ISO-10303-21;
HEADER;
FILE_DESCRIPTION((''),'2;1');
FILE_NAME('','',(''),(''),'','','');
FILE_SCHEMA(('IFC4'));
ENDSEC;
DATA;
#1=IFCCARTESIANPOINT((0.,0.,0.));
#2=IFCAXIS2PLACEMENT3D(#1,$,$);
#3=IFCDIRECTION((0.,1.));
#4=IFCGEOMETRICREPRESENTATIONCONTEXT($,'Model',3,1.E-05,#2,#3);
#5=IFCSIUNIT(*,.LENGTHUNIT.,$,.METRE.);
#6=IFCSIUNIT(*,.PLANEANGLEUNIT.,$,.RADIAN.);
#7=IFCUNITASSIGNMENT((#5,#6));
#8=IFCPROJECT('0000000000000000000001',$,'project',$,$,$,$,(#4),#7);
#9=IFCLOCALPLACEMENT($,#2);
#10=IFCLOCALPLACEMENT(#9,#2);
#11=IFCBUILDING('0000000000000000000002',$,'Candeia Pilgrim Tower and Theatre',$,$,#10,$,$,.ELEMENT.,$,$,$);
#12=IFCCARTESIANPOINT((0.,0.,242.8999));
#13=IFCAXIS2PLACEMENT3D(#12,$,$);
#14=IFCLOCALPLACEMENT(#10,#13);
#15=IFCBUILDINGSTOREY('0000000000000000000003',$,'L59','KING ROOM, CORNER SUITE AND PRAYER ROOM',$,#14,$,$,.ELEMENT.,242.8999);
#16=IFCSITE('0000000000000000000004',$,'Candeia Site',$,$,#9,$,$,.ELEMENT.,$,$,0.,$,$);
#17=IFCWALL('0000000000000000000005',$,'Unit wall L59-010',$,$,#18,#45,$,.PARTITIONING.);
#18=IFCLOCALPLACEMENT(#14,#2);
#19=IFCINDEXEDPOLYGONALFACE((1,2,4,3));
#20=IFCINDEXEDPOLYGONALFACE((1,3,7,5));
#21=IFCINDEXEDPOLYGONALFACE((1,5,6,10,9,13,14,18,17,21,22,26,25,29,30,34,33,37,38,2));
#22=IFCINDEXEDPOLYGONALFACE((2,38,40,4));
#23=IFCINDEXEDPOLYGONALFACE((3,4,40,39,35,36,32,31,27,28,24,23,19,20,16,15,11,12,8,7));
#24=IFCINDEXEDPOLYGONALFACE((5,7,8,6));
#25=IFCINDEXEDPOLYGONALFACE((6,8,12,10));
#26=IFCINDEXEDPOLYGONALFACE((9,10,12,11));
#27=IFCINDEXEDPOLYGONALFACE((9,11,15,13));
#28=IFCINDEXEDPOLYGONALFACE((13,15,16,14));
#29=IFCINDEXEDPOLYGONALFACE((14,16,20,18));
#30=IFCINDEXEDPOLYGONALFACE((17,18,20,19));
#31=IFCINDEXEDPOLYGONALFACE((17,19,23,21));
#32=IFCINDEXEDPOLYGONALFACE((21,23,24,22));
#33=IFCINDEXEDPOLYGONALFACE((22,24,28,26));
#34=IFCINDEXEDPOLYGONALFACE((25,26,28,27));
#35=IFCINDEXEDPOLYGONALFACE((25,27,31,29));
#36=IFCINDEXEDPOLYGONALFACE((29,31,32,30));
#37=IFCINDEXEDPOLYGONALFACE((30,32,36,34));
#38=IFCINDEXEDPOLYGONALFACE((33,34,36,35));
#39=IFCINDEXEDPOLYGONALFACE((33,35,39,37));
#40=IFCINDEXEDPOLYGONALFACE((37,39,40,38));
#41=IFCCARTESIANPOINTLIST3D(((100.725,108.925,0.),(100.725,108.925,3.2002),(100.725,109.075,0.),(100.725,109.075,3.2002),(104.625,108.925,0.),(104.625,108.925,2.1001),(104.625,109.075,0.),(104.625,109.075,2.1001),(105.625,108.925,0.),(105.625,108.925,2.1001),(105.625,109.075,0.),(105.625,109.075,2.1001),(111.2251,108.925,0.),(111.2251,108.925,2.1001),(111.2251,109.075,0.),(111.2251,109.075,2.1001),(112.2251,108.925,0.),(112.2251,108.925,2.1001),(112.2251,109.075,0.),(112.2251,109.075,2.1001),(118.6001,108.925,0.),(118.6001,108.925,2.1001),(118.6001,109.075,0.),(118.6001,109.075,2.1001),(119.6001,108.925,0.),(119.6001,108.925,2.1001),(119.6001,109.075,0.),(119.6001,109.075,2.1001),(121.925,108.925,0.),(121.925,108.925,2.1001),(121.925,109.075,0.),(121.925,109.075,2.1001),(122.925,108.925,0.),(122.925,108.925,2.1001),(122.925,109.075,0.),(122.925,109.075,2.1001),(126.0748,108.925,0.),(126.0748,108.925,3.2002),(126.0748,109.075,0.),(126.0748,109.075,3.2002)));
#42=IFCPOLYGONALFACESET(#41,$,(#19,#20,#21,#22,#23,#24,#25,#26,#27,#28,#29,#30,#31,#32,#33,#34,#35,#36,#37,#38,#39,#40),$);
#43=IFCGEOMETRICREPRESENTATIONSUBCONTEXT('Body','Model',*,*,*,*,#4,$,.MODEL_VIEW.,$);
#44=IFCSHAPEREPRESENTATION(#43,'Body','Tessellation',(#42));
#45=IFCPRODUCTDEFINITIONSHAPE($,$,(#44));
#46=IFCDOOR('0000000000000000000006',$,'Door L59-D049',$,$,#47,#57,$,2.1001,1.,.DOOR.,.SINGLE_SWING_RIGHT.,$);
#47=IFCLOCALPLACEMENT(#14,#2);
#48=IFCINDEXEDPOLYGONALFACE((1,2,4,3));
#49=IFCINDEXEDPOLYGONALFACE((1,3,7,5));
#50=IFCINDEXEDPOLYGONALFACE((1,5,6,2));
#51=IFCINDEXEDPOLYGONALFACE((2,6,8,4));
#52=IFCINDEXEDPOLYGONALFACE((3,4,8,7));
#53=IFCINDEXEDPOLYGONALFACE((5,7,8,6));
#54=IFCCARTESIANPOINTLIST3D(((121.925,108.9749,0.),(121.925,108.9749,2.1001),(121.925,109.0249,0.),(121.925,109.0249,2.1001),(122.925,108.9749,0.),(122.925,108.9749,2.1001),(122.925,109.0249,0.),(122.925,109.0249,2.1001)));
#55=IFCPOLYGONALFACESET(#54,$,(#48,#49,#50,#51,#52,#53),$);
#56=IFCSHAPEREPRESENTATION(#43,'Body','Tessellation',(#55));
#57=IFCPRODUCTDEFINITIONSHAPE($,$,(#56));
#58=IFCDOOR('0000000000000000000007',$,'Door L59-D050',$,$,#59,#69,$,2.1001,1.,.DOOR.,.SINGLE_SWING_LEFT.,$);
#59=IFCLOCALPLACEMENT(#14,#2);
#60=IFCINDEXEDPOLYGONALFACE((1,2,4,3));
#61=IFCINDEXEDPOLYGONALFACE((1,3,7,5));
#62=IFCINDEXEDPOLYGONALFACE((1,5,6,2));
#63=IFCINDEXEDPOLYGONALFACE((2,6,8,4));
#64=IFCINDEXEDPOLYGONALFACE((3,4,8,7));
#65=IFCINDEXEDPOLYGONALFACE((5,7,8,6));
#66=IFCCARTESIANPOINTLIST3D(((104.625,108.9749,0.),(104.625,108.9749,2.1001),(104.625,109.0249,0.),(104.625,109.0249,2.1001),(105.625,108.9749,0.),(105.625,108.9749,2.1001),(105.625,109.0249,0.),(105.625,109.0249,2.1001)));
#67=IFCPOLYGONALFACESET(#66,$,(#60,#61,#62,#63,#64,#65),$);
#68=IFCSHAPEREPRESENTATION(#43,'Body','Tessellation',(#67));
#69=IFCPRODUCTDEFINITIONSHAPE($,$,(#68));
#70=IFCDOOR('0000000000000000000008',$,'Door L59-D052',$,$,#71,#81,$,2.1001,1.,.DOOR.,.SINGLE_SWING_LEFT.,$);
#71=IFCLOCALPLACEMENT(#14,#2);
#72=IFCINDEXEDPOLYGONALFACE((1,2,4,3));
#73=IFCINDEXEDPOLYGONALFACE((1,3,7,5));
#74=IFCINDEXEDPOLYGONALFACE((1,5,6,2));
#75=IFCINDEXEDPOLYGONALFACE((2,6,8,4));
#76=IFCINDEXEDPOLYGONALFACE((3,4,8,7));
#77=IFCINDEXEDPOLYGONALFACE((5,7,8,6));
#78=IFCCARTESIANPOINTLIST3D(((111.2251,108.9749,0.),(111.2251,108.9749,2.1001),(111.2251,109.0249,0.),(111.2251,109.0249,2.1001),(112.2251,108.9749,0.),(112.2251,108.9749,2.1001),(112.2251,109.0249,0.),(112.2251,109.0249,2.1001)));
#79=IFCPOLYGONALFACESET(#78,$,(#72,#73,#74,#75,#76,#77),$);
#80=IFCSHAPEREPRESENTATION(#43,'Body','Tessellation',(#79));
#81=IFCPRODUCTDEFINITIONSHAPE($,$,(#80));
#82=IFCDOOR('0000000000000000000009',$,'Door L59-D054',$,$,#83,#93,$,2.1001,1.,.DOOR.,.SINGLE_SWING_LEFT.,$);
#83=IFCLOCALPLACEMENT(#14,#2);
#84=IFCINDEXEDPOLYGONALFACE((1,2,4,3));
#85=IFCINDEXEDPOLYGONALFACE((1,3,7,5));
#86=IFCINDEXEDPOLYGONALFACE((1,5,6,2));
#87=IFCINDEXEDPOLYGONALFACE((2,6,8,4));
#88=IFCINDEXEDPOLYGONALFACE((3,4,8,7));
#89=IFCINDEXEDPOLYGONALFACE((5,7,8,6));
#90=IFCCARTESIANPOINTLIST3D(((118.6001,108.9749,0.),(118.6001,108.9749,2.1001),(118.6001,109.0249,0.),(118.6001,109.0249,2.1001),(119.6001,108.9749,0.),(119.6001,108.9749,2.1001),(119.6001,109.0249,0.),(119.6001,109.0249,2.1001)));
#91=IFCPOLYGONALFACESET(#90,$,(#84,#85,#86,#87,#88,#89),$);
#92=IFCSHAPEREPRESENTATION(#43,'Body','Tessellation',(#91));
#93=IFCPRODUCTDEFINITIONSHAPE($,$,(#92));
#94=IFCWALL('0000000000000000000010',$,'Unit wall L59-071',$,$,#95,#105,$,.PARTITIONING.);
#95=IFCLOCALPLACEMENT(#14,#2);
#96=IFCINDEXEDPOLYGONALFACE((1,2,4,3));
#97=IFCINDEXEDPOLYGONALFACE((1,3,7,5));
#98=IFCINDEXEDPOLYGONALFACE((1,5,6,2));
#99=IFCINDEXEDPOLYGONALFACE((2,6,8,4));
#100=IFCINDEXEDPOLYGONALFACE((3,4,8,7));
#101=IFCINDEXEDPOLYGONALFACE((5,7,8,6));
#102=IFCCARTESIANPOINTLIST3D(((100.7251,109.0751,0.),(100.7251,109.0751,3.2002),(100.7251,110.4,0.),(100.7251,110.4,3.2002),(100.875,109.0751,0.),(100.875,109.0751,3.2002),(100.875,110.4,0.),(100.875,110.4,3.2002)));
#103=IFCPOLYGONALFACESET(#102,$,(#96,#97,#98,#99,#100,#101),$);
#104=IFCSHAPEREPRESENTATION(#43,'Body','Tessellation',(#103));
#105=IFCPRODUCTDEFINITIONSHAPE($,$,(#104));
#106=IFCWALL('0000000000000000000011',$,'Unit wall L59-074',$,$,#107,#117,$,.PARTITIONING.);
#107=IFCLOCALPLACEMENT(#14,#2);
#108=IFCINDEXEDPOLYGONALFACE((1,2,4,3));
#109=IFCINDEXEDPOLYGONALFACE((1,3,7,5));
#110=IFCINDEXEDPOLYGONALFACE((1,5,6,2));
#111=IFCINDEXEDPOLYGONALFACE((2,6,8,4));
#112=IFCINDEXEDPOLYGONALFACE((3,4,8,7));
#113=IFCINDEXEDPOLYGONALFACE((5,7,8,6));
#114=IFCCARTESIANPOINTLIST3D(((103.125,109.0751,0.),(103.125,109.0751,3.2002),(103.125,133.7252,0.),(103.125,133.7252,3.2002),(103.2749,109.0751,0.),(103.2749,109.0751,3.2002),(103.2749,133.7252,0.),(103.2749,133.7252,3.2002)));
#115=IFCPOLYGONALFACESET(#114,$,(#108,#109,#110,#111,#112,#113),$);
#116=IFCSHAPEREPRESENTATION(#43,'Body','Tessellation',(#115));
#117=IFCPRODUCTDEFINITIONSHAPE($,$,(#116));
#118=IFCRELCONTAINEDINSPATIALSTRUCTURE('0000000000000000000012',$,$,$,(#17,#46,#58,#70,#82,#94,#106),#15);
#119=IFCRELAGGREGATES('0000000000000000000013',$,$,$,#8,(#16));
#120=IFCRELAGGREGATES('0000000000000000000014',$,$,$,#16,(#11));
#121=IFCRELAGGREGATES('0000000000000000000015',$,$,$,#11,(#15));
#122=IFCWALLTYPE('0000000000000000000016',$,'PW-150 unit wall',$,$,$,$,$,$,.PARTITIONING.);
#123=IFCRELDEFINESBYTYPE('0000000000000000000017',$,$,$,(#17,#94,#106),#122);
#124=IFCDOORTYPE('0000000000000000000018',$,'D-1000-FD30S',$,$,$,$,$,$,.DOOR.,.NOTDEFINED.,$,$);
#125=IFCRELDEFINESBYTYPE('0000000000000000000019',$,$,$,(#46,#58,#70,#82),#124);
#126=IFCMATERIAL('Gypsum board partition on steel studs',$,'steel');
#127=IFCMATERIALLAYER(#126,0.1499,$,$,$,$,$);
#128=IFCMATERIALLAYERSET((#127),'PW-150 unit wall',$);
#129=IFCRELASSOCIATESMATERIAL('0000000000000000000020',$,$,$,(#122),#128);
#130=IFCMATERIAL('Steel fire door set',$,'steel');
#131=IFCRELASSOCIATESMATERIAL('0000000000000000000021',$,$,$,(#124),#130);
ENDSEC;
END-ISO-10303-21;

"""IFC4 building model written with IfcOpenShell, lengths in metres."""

from ifc_helpers import new_model, si_unit, direction, frame, frame_2d, origin, place, context, subcontext, project, spatial, rectangle, extrude, material, layer, layer_set, type_object, element, fill, save


model = new_model("IFC4")

# Units and contexts
model_context = context("Model", 3, precision=1e-05, world=origin(), true_north=direction((0.0, 1.0)))
body_context = subcontext(model_context, "Body", "Model", "MODEL_VIEW")
ifc_project = project(units=[si_unit("LENGTHUNIT", "METRE"), si_unit("PLANEANGLEUNIT", "RADIAN")], contexts=[model_context])

# Site, building, storey
site_placement = place(None, origin())
site = spatial("IfcSite", under=ifc_project, at=site_placement, Name="Candeia Site", CompositionType="ELEMENT", RefElevation=0.0)
building_placement = place(site_placement, origin())
building = spatial("IfcBuilding", under=site, at=building_placement, Name="Candeia Pilgrim Tower and Theatre", CompositionType="ELEMENT")
storey_placement = place(building_placement, frame((0.0, 0.0, 242.8999)))
storey = spatial("IfcBuildingStorey", under=building, at=storey_placement, Name="L59", Description="KING ROOM, CORNER SUITE AND PRAYER ROOM", CompositionType="ELEMENT", Elevation=242.8999)

# Shared definitions
ifc_material_1 = material(Name="Steel fire door set", Category="steel")

# Shared definitions
ifc_material_2 = material(Name="Gypsum board partition on steel studs", Category="steel")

● INSTRUCTIONS FOR THE TASK
Give back the records above exactly, limited to the lines between the one holding "#13=IFCAXIS2PLACEMENT3D(#12,$,$);" and the one holding "#34=IFCINDEXEDPOLYGONALFACE((25,26,28,27));", inclusive.

● EXERCISE RESULT
#13=IFCAXIS2PLACEMENT3D(#12,$,$);
#14=IFCLOCALPLACEMENT(#10,#13);
#15=IFCBUILDINGSTOREY('0000000000000000000003',$,'L59','KING ROOM, CORNER SUITE AND PRAYER ROOM',$,#14,$,$,.ELEMENT.,242.8999);
#16=IFCSITE('0000000000000000000004',$,'Candeia Site',$,$,#9,$,$,.ELEMENT.,$,$,0.,$,$);
#17=IFCWALL('0000000000000000000005',$,'Unit wall L59-010',$,$,#18,#45,$,.PARTITIONING.);
#18=IFCLOCALPLACEMENT(#14,#2);
#19=IFCINDEXEDPOLYGONALFACE((1,2,4,3));
#20=IFCINDEXEDPOLYGONALFACE((1,3,7,5));
#21=IFCINDEXEDPOLYGONALFACE((1,5,6,10,9,13,14,18,17,21,22,26,25,29,30,34,33,37,38,2));
#22=IFCINDEXEDPOLYGONALFACE((2,38,40,4));
#23=IFCINDEXEDPOLYGONALFACE((3,4,40,39,35,36,32,31,27,28,24,23,19,20,16,15,11,12,8,7));
#24=IFCINDEXEDPOLYGONALFACE((5,7,8,6));
#25=IFCINDEXEDPOLYGONALFACE((6,8,12,10));
#26=IFCINDEXEDPOLYGONALFACE((9,10,12,11));
#27=IFCINDEXEDPOLYGONALFACE((9,11,15,13));
#28=IFCINDEXEDPOLYGONALFACE((13,15,16,14));
#29=IFCINDEXEDPOLYGONALFACE((14,16,20,18));
#30=IFCINDEXEDPOLYGONALFACE((17,18,20,19));
#31=IFCINDEXEDPOLYGONALFACE((17,19,23,21));
#32=IFCINDEXEDPOLYGONALFACE((21,23,24,22));
#33=IFCINDEXEDPOLYGONALFACE((22,24,28,26));
#34=IFCINDEXEDPOLYGONALFACE((25,26,28,27));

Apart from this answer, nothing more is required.